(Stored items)

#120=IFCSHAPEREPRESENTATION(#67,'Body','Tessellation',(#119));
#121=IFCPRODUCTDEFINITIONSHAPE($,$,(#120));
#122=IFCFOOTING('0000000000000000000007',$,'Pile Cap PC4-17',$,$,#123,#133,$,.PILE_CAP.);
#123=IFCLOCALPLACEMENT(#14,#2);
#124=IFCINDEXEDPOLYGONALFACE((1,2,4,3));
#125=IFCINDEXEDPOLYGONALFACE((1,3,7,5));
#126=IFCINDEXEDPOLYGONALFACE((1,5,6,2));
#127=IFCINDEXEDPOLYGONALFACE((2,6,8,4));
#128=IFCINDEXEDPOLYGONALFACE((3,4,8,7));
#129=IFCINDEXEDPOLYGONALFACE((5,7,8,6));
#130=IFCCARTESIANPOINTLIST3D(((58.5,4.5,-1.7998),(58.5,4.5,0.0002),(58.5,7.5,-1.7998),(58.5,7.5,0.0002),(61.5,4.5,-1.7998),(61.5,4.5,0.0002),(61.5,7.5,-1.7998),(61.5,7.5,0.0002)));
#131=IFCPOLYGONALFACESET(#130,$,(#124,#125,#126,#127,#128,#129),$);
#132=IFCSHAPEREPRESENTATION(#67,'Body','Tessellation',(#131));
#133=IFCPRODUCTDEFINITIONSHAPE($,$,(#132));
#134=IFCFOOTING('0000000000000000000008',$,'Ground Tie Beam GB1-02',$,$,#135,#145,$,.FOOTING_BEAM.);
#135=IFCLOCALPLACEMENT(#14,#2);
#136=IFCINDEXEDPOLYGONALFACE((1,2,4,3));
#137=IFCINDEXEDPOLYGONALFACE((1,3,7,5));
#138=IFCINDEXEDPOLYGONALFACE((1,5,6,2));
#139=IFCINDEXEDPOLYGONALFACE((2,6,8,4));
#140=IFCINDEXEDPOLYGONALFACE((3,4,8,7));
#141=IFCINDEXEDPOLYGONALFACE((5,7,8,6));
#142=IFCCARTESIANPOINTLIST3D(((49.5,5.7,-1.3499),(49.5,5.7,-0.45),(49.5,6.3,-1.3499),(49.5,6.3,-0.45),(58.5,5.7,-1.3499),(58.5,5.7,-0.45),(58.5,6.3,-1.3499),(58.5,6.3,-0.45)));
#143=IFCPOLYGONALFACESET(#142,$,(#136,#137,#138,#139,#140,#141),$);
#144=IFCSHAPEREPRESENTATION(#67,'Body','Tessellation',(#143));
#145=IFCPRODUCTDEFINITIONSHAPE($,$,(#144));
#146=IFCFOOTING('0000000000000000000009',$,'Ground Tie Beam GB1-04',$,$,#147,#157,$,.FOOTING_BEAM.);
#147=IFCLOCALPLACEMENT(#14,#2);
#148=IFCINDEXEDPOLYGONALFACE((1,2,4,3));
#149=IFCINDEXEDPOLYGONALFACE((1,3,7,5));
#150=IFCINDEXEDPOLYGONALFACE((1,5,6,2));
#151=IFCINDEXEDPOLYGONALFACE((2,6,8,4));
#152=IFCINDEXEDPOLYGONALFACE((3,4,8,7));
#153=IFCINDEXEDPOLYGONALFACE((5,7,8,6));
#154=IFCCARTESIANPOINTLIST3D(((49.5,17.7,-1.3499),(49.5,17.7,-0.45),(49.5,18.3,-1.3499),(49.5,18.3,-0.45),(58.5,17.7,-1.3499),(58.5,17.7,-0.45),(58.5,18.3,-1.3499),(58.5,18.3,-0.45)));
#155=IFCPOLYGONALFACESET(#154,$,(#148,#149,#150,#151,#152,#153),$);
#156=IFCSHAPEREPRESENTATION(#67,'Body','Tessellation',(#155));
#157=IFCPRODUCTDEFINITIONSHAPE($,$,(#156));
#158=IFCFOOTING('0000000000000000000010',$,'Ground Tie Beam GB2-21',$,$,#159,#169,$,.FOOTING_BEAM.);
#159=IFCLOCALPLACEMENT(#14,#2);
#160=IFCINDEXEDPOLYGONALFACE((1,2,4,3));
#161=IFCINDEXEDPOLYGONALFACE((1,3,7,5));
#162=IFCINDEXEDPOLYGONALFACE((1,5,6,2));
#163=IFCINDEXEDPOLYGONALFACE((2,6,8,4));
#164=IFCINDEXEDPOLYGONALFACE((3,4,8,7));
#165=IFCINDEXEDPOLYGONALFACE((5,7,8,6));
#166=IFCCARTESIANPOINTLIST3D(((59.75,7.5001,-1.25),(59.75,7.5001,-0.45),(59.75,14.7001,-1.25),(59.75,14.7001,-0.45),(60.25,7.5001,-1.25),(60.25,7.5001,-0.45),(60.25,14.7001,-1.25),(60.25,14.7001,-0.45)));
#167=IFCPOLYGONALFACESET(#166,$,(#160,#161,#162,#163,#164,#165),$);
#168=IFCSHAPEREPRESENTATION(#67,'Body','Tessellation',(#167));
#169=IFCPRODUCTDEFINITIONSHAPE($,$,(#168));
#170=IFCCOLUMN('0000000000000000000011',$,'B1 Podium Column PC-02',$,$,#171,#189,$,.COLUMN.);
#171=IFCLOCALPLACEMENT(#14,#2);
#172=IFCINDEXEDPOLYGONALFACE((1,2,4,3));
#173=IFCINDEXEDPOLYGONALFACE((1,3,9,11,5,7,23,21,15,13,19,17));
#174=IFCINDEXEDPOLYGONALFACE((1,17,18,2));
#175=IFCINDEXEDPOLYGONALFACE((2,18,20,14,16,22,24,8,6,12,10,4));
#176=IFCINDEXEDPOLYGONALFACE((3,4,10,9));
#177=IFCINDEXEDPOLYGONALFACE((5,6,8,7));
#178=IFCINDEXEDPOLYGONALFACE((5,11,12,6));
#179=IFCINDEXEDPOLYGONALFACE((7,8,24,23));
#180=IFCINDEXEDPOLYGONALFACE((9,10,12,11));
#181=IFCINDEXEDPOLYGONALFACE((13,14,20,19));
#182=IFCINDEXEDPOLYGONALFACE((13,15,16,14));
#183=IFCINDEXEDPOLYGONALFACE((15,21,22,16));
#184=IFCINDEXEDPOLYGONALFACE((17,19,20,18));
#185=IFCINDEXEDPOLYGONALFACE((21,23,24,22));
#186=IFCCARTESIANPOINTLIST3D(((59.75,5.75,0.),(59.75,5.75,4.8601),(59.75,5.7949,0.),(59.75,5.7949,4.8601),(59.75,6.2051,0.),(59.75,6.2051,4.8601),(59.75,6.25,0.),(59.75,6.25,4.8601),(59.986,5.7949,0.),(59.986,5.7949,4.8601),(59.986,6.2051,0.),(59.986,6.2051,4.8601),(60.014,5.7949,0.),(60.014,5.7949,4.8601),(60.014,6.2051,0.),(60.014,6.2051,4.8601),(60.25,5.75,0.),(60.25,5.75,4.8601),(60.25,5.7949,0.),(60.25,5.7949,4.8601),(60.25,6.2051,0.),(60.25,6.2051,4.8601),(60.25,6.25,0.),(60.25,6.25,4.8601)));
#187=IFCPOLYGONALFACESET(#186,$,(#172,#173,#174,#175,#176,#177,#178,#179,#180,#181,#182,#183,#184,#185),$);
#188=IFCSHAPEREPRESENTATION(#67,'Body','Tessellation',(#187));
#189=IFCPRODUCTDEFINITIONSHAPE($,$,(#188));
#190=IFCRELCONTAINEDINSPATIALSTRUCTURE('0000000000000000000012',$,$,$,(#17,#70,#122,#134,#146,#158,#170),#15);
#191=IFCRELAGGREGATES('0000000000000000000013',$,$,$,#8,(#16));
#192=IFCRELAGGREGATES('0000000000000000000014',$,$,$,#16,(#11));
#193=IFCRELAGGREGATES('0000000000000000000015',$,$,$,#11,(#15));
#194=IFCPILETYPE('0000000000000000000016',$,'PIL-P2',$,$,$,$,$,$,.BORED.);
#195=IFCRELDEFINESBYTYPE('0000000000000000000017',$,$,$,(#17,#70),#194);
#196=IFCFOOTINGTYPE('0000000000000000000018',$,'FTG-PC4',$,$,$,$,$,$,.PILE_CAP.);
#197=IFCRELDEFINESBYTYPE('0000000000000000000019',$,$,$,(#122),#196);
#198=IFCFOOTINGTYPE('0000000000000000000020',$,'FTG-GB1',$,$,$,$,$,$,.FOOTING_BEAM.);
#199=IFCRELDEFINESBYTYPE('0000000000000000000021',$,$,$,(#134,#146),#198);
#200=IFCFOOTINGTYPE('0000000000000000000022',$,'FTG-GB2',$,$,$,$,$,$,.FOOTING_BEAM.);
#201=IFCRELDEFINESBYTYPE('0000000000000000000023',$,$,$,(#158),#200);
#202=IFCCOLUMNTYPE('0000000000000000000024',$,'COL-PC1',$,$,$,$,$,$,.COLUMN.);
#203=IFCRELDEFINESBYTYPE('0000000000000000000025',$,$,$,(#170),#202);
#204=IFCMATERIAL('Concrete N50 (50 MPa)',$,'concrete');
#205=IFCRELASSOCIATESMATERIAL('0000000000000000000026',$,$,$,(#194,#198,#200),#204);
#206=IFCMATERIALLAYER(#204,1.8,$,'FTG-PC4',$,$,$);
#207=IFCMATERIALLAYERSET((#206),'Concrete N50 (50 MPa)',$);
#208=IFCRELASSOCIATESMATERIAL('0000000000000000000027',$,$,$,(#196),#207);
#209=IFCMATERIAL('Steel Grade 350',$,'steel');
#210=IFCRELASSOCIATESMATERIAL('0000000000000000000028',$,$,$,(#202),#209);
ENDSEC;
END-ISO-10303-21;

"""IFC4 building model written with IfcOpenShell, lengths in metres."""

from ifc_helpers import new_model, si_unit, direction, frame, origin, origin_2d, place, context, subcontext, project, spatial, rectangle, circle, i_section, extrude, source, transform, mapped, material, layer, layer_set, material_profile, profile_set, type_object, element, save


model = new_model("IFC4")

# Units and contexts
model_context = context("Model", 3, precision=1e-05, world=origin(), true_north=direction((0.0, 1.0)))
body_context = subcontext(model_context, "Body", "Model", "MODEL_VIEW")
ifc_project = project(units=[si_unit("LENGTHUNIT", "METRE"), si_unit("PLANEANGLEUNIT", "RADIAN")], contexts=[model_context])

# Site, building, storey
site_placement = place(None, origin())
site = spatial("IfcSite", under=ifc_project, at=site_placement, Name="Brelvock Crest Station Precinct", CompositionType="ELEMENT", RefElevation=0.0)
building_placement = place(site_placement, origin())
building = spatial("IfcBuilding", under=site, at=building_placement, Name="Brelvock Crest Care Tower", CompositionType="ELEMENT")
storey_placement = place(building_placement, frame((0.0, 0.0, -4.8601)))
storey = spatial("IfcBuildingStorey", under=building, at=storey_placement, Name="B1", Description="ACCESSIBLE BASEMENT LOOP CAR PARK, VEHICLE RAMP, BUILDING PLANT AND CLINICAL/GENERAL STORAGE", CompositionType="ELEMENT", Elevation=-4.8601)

---

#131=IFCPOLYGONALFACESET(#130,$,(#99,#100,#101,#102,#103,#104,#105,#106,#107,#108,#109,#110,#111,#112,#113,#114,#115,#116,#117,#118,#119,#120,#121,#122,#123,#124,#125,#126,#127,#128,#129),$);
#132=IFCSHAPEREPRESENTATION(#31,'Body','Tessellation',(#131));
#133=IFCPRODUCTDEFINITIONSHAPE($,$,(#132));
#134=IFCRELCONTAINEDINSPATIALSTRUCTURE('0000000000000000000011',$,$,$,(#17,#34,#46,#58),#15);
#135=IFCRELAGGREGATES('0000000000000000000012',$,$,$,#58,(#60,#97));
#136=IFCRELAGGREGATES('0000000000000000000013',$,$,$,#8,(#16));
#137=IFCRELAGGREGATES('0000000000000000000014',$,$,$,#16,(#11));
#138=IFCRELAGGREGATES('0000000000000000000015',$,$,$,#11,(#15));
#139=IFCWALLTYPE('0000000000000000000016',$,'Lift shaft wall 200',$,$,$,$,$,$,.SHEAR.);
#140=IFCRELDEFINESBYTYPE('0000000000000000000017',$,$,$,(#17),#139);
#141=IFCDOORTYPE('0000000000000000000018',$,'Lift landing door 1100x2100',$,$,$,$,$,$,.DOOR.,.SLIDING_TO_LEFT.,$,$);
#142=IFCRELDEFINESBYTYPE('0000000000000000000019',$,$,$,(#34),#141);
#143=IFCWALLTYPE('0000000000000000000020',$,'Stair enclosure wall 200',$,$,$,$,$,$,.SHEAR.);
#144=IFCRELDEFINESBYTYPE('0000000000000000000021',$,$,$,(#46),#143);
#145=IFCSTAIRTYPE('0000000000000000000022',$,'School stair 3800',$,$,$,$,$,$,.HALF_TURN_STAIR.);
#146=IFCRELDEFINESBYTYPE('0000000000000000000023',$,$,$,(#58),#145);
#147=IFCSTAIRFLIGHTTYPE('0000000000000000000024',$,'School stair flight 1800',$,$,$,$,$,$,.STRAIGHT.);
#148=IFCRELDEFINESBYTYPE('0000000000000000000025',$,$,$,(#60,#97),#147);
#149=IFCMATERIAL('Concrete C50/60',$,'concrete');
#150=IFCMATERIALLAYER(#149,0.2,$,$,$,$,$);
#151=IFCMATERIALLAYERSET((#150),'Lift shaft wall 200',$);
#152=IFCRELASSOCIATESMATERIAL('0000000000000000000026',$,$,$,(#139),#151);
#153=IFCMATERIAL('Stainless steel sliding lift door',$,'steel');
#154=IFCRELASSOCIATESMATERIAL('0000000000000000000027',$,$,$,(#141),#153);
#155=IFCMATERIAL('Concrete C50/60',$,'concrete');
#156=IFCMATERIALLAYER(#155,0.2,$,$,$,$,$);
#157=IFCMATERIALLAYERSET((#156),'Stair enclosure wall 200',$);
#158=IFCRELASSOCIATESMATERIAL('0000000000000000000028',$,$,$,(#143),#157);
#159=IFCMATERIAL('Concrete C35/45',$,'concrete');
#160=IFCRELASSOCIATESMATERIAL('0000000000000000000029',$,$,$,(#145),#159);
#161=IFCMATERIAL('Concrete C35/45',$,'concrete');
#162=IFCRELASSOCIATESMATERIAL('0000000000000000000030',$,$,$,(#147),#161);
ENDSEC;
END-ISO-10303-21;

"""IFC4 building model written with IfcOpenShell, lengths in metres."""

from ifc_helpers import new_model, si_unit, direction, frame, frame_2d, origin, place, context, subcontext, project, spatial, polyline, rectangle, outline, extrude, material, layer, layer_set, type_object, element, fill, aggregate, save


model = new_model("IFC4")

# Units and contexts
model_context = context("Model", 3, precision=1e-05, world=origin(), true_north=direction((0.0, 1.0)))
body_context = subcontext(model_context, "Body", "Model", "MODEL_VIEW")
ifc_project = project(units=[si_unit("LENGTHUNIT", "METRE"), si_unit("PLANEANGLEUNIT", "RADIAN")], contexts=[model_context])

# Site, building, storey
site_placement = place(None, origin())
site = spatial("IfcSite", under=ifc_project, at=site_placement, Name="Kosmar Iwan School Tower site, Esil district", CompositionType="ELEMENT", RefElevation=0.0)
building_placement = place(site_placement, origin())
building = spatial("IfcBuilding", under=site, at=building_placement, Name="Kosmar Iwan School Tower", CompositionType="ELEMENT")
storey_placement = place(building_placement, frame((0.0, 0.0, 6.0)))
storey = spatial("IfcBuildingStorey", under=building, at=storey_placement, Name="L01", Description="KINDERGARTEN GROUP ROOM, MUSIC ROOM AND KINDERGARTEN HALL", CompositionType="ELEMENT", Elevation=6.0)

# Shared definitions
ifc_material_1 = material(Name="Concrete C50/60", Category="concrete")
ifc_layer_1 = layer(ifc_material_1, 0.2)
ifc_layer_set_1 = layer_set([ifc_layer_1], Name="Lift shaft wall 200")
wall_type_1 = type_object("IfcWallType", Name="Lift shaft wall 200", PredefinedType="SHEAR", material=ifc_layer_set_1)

> [What needs to be done] Each line that holds the string "COLUMN" is to be copied from the entries above.

> [Exercise output]
#170=IFCCOLUMN('0000000000000000000011',$,'B1 Podium Column PC-02',$,$,#171,#189,$,.COLUMN.);
#202=IFCCOLUMNTYPE('0000000000000000000024',$,'COL-PC1',$,$,$,$,$,$,.COLUMN.);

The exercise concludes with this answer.